Please retype only the lines below that run from the one containing "storey_placement = place(building_placement, origin())" through the last line, both included, without altering a word.

◆ Listed records ◆

>>>

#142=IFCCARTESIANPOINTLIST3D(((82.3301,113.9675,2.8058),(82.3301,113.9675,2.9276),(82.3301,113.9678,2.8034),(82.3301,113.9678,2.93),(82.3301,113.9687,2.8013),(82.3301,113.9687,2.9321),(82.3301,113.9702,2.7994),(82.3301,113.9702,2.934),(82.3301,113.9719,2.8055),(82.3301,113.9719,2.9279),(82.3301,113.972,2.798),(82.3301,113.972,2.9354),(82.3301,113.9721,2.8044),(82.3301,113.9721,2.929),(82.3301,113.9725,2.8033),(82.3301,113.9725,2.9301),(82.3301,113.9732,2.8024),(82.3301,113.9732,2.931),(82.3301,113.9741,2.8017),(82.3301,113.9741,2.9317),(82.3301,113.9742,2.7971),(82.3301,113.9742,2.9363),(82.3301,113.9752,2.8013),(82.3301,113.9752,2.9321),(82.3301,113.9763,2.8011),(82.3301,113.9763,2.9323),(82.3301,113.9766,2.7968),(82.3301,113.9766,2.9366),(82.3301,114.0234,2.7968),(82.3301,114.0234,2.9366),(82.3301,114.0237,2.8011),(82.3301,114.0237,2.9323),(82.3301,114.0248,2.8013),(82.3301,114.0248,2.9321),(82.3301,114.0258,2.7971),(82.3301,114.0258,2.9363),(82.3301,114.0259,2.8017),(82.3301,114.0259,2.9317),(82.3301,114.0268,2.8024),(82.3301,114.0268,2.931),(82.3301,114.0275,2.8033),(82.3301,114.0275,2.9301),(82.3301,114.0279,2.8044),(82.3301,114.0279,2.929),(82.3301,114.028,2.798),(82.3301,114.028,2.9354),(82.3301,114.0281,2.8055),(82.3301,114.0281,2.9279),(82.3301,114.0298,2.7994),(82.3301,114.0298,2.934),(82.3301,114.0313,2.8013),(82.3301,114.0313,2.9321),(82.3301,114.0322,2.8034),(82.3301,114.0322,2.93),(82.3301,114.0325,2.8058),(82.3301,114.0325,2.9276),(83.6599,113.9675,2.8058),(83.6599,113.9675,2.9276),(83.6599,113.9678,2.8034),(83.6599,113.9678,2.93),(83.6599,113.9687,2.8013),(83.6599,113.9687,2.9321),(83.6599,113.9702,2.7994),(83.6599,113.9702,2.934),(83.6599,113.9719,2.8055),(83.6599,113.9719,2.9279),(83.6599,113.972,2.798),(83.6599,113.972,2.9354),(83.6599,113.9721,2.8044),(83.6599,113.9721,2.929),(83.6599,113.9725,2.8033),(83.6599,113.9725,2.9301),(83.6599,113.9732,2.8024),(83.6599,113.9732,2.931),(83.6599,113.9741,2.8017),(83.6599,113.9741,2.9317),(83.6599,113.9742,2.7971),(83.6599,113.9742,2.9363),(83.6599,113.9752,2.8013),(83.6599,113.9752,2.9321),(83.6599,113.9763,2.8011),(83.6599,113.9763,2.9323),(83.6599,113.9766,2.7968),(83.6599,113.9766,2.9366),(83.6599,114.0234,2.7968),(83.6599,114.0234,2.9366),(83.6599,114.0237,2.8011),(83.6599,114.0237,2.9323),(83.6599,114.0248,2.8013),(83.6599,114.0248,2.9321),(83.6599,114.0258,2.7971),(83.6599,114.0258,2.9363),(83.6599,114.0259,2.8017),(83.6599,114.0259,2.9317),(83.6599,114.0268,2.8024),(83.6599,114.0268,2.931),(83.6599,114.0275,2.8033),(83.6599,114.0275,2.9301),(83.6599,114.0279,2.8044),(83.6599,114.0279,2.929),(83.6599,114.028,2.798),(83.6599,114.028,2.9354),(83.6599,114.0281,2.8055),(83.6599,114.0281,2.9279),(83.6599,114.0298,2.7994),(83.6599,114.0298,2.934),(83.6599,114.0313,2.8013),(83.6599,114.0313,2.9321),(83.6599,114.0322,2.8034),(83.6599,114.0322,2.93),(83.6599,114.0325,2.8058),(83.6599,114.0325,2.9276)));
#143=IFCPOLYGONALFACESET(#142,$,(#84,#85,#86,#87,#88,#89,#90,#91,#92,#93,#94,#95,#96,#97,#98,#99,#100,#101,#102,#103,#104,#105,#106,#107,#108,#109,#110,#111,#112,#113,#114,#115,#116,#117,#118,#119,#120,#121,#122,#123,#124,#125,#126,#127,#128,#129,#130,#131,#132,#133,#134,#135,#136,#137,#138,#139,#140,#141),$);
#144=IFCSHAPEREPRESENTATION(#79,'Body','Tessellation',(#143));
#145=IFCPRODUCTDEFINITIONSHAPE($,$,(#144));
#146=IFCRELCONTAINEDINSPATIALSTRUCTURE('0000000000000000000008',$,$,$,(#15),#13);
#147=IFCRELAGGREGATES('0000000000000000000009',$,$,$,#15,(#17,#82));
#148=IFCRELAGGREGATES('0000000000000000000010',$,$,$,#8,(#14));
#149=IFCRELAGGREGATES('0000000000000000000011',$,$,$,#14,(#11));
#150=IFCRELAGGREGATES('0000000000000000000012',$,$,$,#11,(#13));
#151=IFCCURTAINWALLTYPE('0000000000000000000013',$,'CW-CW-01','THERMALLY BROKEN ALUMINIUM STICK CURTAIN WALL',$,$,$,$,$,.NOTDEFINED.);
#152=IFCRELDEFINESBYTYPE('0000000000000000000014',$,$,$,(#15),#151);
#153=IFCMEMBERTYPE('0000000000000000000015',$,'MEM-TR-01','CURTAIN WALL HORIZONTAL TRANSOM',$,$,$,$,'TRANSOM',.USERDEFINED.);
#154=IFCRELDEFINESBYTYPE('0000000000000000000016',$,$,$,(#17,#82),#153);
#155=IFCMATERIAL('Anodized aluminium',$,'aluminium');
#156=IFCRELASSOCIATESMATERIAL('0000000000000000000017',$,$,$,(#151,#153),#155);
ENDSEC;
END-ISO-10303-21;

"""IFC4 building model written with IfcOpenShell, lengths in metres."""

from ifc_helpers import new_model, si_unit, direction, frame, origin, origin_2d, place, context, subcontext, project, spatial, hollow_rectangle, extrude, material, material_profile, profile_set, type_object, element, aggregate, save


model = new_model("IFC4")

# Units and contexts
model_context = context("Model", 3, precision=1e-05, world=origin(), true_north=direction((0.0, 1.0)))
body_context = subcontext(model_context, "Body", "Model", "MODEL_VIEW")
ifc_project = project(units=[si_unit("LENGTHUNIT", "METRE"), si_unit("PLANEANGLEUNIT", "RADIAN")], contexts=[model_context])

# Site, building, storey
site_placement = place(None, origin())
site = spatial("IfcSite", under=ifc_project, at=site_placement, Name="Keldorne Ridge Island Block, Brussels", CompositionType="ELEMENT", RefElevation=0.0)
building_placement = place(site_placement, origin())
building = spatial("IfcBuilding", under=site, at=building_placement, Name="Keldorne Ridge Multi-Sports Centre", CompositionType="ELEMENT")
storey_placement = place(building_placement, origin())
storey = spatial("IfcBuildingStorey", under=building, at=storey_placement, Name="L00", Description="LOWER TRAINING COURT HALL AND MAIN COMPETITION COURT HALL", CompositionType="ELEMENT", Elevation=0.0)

<<<

◆ Output for this exercise ◆
storey_placement = place(building_placement, origin())
storey = spatial("IfcBuildingStorey", under=building, at=storey_placement, Name="L00", Description="LOWER TRAINING COURT HALL AND MAIN COMPETITION COURT HALL", CompositionType="ELEMENT", Elevation=0.0)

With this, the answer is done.